WORK ORDER: Return, in their exact form, the lines that lie between the start of the data below and the line containing "#43=IFCLOCALPLACEMENT(#14,#2);", with both ends included.

DATA SUPPLIED:
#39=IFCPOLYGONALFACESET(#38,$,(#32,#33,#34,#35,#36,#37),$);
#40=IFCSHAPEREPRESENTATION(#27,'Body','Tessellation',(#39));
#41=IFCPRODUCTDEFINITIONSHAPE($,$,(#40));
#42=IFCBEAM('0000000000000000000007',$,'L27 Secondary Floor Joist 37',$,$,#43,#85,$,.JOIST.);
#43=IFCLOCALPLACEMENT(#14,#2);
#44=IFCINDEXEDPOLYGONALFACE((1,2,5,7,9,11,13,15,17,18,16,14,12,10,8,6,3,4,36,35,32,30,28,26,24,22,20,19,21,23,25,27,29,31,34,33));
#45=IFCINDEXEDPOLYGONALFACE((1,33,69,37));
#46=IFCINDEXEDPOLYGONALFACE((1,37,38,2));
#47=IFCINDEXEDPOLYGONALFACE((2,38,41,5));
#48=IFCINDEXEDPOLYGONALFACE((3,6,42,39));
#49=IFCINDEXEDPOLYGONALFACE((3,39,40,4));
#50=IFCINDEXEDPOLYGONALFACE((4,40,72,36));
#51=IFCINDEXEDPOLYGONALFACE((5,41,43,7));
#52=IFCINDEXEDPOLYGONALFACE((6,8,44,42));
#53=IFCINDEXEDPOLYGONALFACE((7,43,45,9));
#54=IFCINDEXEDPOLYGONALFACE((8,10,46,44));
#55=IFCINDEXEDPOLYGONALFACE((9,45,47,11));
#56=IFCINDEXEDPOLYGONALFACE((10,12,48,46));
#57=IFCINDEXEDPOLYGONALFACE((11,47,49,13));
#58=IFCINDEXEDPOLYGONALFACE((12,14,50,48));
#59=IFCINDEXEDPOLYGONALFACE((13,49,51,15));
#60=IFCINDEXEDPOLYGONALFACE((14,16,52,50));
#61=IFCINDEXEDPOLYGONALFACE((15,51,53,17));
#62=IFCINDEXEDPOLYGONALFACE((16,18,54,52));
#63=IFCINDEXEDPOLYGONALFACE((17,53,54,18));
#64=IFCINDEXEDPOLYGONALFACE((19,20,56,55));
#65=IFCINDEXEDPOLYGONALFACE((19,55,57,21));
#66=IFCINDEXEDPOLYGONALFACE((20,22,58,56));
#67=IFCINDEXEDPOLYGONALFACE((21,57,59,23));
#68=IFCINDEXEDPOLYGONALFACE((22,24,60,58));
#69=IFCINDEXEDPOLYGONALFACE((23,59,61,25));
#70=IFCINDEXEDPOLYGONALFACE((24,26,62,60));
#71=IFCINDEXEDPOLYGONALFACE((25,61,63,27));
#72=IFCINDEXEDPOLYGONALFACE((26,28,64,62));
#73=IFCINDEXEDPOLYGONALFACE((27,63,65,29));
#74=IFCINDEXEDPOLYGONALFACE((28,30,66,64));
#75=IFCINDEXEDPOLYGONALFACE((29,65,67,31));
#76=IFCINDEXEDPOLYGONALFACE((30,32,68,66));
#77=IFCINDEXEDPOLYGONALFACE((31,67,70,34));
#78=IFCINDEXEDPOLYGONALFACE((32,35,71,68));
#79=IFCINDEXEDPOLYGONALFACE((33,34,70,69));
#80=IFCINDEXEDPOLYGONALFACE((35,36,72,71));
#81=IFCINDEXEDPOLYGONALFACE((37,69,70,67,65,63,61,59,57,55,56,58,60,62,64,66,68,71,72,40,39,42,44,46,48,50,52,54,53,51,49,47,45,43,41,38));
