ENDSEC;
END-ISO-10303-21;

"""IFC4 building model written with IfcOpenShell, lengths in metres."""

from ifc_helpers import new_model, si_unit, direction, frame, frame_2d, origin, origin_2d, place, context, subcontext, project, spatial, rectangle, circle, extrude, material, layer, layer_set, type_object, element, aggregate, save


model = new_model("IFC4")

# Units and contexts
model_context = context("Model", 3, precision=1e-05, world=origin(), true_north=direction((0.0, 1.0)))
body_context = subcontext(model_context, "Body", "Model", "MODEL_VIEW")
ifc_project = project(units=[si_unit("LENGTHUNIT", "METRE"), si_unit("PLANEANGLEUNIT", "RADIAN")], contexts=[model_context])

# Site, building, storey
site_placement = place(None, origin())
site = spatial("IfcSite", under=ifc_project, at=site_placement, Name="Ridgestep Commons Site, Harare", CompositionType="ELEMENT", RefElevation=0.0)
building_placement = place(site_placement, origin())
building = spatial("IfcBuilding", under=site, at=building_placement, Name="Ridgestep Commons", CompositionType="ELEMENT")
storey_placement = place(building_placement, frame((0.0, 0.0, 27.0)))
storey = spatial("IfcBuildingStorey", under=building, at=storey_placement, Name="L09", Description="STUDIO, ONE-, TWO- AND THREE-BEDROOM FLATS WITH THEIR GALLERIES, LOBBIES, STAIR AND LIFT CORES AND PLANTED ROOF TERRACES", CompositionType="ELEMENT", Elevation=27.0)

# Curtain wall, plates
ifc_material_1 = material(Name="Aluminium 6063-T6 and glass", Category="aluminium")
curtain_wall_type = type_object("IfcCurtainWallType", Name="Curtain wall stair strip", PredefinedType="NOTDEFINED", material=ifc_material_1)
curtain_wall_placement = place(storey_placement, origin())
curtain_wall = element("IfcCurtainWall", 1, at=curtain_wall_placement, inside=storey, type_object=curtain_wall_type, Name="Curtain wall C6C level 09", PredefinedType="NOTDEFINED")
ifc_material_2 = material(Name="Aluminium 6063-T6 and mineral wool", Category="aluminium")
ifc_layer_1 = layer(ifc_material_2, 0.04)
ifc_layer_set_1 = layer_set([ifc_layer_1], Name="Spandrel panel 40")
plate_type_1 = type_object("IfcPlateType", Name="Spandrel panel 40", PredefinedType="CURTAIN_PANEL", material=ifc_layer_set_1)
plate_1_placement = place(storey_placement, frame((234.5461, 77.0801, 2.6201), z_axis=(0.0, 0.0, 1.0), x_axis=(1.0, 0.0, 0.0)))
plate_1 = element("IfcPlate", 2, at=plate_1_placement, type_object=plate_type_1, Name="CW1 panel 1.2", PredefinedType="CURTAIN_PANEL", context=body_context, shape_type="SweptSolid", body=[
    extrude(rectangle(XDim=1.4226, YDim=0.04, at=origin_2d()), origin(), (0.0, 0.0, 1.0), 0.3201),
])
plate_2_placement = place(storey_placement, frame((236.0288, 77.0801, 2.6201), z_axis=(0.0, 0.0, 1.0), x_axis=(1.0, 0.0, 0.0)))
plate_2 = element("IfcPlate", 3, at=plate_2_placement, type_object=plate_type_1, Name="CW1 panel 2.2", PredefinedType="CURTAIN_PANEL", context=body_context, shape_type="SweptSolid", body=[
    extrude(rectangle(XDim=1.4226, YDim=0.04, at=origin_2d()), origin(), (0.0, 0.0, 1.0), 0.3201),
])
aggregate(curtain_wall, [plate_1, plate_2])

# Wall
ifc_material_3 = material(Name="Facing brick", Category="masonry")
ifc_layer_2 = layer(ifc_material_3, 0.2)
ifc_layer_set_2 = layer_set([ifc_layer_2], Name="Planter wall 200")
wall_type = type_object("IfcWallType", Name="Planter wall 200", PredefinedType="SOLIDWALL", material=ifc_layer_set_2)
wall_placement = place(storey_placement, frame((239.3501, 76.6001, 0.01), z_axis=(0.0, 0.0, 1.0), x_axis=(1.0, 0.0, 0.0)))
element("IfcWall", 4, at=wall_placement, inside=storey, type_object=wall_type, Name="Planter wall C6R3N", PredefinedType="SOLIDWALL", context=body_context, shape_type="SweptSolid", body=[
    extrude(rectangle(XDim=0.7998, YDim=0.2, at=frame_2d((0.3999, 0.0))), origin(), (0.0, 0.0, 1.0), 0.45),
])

SOLUTION:
#39=IFCPOLYGONALFACESET(#38,$,(#32,#33,#34,#35,#36,#37),$);
#40=IFCSHAPEREPRESENTATION(#27,'Body','Tessellation',(#39));
#41=IFCPRODUCTDEFINITIONSHAPE($,$,(#40));
#42=IFCBEAM('0000000000000000000007',$,'L27 Secondary Floor Joist 37',$,$,#43,#85,$,.JOIST.);
#43=IFCLOCALPLACEMENT(#14,#2);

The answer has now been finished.